*** Opening Supplied records ***

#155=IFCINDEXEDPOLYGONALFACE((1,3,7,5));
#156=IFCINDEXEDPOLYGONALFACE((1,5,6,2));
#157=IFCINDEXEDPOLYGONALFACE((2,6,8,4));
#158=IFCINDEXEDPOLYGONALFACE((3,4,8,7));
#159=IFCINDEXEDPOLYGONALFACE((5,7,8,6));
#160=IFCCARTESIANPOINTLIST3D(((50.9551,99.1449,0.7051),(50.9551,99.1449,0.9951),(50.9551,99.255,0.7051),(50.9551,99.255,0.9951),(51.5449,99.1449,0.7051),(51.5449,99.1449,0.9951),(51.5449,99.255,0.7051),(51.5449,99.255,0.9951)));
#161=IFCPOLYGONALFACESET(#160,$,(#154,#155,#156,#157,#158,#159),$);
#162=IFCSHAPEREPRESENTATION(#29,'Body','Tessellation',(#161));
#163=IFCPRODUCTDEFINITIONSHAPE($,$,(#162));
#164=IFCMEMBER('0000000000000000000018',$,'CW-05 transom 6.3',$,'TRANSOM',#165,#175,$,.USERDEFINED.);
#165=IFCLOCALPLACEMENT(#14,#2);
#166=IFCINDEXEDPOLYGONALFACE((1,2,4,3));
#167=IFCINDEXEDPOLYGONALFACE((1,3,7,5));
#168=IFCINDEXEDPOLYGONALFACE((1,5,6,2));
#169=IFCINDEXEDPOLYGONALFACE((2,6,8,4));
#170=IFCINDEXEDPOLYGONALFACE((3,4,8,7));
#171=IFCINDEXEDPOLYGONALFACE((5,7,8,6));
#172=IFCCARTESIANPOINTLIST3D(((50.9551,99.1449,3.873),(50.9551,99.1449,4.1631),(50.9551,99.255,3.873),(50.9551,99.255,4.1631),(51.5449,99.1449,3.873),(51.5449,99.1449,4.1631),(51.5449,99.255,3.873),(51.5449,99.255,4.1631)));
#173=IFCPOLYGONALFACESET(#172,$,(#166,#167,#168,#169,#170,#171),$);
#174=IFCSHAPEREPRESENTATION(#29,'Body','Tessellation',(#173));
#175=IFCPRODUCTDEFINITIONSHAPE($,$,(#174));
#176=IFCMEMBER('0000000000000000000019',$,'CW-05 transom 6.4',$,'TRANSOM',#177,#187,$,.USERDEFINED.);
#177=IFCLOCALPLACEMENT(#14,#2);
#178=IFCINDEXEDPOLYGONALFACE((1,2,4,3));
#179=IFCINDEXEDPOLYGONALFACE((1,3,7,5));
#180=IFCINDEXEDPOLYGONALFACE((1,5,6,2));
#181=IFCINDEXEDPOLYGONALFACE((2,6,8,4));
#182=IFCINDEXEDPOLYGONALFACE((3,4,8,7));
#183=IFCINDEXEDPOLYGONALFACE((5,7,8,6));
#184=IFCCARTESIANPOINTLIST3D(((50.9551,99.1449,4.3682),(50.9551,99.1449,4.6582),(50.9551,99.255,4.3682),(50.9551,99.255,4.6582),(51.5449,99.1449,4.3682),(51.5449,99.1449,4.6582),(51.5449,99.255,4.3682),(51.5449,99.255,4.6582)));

*** Closing Supplied records ***
*** Opening Supplied records ***

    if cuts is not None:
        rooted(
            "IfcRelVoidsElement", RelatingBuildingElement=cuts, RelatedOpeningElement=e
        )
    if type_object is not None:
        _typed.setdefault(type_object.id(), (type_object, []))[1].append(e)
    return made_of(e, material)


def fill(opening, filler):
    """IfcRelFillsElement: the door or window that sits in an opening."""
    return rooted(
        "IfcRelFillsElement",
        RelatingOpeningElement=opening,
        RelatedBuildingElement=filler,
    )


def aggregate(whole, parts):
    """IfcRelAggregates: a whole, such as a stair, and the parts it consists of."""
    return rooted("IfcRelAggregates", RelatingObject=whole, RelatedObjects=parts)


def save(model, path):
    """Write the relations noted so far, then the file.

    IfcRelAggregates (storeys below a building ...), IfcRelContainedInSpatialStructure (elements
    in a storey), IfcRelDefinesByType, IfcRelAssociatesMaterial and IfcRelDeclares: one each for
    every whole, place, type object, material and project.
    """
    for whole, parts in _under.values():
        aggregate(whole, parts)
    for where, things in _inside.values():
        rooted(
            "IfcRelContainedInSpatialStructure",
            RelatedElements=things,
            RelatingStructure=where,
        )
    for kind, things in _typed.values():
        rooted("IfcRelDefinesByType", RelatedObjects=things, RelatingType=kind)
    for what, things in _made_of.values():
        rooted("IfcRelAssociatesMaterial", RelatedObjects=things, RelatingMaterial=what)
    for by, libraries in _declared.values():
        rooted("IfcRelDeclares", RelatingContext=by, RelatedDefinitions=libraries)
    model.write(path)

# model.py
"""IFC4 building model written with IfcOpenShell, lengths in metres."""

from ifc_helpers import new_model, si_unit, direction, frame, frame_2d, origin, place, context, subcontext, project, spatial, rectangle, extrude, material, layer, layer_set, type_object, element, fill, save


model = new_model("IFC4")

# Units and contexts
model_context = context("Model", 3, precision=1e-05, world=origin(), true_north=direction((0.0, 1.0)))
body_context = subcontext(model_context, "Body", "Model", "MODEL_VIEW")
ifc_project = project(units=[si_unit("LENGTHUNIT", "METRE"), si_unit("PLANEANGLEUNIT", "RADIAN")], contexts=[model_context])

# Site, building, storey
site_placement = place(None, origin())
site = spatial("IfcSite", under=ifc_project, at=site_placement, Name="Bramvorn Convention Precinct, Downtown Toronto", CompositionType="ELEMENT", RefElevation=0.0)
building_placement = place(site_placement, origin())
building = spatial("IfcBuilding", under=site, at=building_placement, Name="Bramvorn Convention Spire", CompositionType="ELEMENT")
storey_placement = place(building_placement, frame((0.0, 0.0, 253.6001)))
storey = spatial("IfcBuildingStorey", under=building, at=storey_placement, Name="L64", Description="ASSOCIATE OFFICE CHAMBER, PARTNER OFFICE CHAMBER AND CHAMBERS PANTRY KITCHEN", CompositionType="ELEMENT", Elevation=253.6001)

*** Closing Supplied records ***

== What is needed ==
Show the lines above that have the word "IFCLOCALPLACEMENT".

== Answer to the problem ==
#165=IFCLOCALPLACEMENT(#14,#2);
#177=IFCLOCALPLACEMENT(#14,#2);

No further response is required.